Task to complete = Retrieve every line from the records in which the word "steel" occurs.

Records to use =
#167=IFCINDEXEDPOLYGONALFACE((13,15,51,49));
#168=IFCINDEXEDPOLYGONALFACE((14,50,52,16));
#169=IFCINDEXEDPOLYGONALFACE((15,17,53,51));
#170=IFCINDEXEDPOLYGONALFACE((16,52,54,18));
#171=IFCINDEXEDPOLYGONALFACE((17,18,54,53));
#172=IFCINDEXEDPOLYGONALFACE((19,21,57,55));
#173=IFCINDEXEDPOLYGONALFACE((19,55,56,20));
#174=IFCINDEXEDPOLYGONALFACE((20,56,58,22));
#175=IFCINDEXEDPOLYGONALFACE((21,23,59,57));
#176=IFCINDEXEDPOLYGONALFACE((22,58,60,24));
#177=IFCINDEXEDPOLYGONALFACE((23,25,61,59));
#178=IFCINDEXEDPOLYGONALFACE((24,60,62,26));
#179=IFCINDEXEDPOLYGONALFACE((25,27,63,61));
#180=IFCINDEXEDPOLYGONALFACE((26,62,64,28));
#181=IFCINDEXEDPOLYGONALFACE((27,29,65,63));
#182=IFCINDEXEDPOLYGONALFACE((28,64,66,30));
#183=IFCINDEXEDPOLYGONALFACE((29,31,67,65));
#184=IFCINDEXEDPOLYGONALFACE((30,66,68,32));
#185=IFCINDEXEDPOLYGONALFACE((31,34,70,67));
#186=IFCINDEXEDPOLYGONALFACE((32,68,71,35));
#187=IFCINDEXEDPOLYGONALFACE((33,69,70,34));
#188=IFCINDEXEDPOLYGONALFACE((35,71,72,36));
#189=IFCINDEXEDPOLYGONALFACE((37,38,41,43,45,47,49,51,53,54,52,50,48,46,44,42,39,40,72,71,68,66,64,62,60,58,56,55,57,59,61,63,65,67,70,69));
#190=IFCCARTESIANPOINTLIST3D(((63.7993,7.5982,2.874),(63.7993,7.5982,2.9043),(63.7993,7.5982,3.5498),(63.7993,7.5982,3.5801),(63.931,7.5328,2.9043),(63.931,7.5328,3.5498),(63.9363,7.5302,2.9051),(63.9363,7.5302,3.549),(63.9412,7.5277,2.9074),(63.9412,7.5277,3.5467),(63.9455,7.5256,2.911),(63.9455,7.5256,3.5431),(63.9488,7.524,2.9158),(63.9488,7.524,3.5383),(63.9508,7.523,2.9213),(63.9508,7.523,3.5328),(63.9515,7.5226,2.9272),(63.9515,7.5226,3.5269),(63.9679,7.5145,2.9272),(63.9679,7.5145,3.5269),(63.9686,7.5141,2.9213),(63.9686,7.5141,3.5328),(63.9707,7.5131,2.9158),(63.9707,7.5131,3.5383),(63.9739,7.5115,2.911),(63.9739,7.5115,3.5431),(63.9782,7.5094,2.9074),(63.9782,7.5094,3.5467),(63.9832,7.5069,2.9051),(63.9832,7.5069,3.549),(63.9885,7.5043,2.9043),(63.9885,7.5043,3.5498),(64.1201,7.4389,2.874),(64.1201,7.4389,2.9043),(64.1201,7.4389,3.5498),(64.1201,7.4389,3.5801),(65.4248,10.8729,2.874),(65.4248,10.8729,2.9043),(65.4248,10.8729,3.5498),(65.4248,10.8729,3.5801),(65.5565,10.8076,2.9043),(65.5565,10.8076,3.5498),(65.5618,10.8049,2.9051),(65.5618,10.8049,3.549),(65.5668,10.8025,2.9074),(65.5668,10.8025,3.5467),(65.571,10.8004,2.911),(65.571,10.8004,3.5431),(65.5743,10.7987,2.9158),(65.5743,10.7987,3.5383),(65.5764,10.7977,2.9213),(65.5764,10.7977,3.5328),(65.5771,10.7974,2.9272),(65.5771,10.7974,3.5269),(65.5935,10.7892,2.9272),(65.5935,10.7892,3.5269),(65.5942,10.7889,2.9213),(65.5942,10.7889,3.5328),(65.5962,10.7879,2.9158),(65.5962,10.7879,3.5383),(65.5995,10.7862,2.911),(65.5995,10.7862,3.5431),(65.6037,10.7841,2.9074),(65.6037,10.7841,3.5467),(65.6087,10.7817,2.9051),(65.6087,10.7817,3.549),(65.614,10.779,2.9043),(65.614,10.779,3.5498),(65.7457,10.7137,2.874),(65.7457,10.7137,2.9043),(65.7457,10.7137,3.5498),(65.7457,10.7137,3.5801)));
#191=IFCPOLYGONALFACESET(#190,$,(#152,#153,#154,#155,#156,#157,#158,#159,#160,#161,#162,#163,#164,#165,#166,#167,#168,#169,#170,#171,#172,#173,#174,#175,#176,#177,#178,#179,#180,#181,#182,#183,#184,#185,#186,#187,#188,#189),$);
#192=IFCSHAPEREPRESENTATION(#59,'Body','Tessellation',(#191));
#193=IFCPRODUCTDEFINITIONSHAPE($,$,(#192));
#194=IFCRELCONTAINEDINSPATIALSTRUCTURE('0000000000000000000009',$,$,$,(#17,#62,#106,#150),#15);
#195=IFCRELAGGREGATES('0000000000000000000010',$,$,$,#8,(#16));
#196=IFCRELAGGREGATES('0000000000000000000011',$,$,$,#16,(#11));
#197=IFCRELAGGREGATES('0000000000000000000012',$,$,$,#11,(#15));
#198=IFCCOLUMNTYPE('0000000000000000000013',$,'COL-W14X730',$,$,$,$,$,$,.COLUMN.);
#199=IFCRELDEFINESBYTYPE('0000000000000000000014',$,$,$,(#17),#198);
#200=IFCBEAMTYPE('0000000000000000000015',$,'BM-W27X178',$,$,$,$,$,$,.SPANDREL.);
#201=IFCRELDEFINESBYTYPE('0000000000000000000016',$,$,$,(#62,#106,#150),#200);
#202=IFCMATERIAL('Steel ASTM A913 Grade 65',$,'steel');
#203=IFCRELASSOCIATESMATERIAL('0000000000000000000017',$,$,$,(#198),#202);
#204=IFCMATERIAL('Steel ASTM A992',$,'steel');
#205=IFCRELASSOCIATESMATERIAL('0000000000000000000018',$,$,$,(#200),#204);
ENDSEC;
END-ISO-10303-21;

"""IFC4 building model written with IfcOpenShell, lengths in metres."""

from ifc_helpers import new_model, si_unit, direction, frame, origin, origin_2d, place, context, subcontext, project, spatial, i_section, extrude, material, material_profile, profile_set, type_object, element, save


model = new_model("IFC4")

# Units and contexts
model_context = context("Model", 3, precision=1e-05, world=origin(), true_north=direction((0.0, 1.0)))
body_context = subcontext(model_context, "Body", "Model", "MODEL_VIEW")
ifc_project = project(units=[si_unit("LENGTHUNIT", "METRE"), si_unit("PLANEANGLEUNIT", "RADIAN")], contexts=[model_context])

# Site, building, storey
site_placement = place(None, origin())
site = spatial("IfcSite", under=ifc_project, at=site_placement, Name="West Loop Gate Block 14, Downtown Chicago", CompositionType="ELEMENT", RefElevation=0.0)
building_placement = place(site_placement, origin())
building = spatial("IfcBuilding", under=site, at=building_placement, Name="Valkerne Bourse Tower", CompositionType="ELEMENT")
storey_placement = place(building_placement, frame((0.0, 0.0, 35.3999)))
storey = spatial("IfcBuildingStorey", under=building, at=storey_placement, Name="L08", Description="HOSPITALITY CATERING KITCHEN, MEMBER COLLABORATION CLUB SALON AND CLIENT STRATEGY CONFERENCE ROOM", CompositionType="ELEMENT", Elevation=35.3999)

Exercise output =
#202=IFCMATERIAL('Steel ASTM A913 Grade 65',$,'steel');
#204=IFCMATERIAL('Steel ASTM A992',$,'steel');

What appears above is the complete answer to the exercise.